- Task statement: Find the lines below that contain "Aerated" and tally them. Return only the total.

- Provided data:
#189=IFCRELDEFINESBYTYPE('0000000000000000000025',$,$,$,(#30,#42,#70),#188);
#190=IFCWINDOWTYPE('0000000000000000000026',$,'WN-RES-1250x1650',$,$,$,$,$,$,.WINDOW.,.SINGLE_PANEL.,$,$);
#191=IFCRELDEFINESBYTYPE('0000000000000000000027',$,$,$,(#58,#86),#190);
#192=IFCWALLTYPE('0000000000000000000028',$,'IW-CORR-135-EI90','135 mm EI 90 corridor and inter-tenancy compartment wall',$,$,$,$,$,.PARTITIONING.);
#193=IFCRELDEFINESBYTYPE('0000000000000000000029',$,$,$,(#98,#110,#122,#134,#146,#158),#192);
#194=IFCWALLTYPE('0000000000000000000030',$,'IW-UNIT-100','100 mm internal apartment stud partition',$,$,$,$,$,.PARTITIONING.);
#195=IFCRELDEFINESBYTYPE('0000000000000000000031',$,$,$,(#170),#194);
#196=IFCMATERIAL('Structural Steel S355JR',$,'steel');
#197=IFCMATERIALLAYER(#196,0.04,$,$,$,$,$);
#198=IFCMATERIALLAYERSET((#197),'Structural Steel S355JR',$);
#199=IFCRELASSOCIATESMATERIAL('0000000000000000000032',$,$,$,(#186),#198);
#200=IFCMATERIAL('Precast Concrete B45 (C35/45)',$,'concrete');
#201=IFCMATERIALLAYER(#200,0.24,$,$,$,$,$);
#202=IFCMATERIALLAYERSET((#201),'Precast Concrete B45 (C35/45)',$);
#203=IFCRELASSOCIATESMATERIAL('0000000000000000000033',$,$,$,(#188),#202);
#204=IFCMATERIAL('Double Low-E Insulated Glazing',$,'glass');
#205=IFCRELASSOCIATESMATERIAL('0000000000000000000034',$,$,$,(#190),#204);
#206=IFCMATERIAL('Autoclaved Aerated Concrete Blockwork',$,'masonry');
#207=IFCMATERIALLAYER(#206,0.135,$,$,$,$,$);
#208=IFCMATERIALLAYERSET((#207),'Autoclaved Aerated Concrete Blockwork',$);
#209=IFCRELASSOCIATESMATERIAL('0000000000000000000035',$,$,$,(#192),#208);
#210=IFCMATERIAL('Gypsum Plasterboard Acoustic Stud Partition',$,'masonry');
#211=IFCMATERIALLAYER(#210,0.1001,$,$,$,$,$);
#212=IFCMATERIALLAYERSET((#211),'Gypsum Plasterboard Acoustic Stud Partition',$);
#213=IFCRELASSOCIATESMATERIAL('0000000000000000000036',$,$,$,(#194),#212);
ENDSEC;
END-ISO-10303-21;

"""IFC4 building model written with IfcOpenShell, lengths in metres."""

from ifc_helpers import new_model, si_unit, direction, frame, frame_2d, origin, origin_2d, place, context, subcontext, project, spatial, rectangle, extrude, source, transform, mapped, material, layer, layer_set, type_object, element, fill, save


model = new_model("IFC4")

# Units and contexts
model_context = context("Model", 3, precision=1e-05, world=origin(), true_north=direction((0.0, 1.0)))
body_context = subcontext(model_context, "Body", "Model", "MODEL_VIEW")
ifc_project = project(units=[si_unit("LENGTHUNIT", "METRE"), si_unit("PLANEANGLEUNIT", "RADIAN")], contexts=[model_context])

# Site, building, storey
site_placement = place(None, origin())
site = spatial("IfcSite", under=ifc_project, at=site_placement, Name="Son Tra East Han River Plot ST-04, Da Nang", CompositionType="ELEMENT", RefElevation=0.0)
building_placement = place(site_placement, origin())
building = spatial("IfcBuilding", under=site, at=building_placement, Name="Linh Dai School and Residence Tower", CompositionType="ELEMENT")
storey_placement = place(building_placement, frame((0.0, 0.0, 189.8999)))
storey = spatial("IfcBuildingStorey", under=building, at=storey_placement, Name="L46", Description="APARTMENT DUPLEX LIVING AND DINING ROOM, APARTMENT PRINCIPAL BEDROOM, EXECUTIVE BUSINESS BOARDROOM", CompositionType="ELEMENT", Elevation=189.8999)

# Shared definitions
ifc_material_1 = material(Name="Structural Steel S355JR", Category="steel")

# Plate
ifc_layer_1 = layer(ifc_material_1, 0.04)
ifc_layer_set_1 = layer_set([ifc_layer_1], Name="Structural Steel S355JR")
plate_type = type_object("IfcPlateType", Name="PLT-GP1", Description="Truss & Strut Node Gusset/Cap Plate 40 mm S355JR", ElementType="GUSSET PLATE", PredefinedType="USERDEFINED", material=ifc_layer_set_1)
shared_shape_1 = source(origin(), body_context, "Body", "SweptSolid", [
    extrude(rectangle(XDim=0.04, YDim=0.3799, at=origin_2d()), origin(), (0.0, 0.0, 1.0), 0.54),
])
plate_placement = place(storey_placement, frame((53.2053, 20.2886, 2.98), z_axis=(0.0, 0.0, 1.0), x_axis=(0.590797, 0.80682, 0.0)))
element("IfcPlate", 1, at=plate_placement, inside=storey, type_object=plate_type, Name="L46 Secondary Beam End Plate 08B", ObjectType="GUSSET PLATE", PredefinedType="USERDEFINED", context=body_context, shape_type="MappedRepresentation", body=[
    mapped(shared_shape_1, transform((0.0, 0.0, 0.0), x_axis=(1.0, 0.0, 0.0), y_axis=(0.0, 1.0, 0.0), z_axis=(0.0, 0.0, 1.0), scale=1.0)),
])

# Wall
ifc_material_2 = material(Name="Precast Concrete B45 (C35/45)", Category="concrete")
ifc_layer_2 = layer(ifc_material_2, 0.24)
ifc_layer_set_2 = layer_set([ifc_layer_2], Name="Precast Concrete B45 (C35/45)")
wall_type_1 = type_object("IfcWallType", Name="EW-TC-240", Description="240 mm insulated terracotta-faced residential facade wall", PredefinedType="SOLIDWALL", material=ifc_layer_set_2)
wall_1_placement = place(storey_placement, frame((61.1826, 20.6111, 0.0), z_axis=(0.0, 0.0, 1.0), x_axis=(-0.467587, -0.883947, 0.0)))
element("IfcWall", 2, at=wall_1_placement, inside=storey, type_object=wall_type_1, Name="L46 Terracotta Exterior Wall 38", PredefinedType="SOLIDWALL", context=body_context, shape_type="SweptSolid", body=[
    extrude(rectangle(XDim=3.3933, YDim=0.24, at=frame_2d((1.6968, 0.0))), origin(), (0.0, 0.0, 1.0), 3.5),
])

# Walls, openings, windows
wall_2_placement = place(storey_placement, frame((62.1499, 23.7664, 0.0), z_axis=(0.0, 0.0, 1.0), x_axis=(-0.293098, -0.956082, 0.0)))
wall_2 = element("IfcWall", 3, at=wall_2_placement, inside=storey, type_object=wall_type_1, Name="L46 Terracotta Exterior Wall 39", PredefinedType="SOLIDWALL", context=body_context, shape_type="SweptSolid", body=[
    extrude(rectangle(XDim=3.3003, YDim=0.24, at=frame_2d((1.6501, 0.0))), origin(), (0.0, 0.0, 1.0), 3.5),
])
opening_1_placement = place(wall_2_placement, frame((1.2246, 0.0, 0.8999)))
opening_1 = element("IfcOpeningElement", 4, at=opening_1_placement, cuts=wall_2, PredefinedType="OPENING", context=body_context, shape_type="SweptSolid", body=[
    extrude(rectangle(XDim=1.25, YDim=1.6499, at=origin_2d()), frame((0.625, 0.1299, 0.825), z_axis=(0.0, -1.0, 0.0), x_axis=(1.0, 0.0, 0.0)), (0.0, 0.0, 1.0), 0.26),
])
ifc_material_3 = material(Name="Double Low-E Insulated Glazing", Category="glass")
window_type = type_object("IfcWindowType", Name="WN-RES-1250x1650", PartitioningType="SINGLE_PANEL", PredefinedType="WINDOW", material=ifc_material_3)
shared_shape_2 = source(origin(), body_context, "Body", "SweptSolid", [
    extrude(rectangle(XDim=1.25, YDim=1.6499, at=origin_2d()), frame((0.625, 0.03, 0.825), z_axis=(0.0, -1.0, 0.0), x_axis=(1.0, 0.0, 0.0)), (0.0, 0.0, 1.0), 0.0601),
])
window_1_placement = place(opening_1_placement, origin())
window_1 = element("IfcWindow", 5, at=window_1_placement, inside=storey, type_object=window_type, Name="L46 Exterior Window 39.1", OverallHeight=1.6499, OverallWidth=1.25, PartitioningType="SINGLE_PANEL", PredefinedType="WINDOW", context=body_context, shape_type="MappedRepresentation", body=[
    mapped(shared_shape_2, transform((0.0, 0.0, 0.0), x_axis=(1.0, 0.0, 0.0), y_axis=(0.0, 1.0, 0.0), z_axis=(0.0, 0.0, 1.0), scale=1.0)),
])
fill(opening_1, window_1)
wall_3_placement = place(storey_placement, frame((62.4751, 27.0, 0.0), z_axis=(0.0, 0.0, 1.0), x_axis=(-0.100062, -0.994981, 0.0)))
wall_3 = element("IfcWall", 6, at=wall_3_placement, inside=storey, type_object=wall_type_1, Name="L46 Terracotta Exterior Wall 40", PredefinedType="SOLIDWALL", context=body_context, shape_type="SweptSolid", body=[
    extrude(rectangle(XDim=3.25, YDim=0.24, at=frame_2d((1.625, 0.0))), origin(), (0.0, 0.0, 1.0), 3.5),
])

- Task response: 2